TASK INSTRUCTIONS
Provide again, from the entries below, every line from the one containing "#86=IFCINDEXEDPOLYGONALFACE((1,5,6,2));" through the one containing "#103=IFCPOLYGONALFACESET(#102,$,(#96,#97,#98,#99,#100,#101),$);", exactly as written, and no other line.

Stored data:
****************

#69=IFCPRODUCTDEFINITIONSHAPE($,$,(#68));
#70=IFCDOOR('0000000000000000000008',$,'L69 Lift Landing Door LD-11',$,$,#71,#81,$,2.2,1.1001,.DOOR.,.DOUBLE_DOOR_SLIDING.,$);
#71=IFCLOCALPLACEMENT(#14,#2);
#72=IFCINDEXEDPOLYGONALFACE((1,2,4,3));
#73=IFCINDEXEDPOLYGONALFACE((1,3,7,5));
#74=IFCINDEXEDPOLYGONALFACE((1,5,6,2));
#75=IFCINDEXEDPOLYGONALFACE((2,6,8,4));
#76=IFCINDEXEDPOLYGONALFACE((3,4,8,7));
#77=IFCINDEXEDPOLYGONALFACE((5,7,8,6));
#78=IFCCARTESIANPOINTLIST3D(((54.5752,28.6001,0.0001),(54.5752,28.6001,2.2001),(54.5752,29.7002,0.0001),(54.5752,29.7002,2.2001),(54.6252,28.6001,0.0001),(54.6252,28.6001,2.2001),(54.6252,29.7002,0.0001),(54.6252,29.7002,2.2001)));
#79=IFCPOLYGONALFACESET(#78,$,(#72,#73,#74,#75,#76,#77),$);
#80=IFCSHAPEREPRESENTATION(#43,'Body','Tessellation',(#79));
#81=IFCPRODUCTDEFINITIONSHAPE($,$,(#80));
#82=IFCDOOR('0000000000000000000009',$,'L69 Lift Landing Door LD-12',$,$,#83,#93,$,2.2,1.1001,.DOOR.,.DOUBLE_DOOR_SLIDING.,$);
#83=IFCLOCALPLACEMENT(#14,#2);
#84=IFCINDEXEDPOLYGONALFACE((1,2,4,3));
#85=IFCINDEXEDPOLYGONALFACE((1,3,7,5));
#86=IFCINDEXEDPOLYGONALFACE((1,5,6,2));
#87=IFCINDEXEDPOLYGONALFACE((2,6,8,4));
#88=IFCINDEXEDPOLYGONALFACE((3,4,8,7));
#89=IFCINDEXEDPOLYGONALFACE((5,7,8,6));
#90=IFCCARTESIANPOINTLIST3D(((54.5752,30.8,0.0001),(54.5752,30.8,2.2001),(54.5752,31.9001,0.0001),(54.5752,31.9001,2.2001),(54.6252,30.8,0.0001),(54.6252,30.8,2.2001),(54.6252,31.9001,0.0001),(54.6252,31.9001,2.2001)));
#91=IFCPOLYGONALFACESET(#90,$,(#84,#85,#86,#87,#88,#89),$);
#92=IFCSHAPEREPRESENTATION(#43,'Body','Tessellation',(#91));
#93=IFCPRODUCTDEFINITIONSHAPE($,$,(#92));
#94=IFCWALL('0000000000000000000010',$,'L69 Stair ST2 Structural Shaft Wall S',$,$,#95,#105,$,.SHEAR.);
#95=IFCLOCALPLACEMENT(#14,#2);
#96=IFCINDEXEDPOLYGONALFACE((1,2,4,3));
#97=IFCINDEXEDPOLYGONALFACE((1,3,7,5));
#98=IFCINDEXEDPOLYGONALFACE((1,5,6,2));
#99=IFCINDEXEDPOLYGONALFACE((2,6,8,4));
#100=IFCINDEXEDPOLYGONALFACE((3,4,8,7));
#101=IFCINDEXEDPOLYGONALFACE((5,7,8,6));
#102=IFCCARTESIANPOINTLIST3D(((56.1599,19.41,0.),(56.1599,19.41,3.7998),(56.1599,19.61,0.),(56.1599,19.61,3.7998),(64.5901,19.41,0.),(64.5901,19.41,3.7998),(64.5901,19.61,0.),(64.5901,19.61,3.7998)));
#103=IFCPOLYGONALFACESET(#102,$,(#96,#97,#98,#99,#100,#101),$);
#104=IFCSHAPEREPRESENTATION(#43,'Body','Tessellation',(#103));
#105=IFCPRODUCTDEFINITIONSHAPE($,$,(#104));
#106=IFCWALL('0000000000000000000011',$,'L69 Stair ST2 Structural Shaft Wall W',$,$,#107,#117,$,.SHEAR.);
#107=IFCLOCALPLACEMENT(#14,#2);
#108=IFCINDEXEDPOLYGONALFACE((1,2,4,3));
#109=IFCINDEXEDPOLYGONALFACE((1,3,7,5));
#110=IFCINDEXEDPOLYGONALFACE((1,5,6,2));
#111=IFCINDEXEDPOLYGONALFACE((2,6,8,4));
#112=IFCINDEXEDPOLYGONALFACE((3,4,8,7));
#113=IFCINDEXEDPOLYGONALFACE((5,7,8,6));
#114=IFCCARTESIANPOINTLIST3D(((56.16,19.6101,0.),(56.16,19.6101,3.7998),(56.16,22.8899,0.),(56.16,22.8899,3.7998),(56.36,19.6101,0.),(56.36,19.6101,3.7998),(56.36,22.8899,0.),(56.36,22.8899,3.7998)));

****************

RESPONSE AREA
#86=IFCINDEXEDPOLYGONALFACE((1,5,6,2));
#87=IFCINDEXEDPOLYGONALFACE((2,6,8,4));
#88=IFCINDEXEDPOLYGONALFACE((3,4,8,7));
#89=IFCINDEXEDPOLYGONALFACE((5,7,8,6));
#90=IFCCARTESIANPOINTLIST3D(((54.5752,30.8,0.0001),(54.5752,30.8,2.2001),(54.5752,31.9001,0.0001),(54.5752,31.9001,2.2001),(54.6252,30.8,0.0001),(54.6252,30.8,2.2001),(54.6252,31.9001,0.0001),(54.6252,31.9001,2.2001)));
#91=IFCPOLYGONALFACESET(#90,$,(#84,#85,#86,#87,#88,#89),$);
#92=IFCSHAPEREPRESENTATION(#43,'Body','Tessellation',(#91));
#93=IFCPRODUCTDEFINITIONSHAPE($,$,(#92));
#94=IFCWALL('0000000000000000000010',$,'L69 Stair ST2 Structural Shaft Wall S',$,$,#95,#105,$,.SHEAR.);
#95=IFCLOCALPLACEMENT(#14,#2);
#96=IFCINDEXEDPOLYGONALFACE((1,2,4,3));
#97=IFCINDEXEDPOLYGONALFACE((1,3,7,5));
#98=IFCINDEXEDPOLYGONALFACE((1,5,6,2));
#99=IFCINDEXEDPOLYGONALFACE((2,6,8,4));
#100=IFCINDEXEDPOLYGONALFACE((3,4,8,7));
#101=IFCINDEXEDPOLYGONALFACE((5,7,8,6));
#102=IFCCARTESIANPOINTLIST3D(((56.1599,19.41,0.),(56.1599,19.41,3.7998),(56.1599,19.61,0.),(56.1599,19.61,3.7998),(64.5901,19.41,0.),(64.5901,19.41,3.7998),(64.5901,19.61,0.),(64.5901,19.61,3.7998)));
#103=IFCPOLYGONALFACESET(#102,$,(#96,#97,#98,#99,#100,#101),$);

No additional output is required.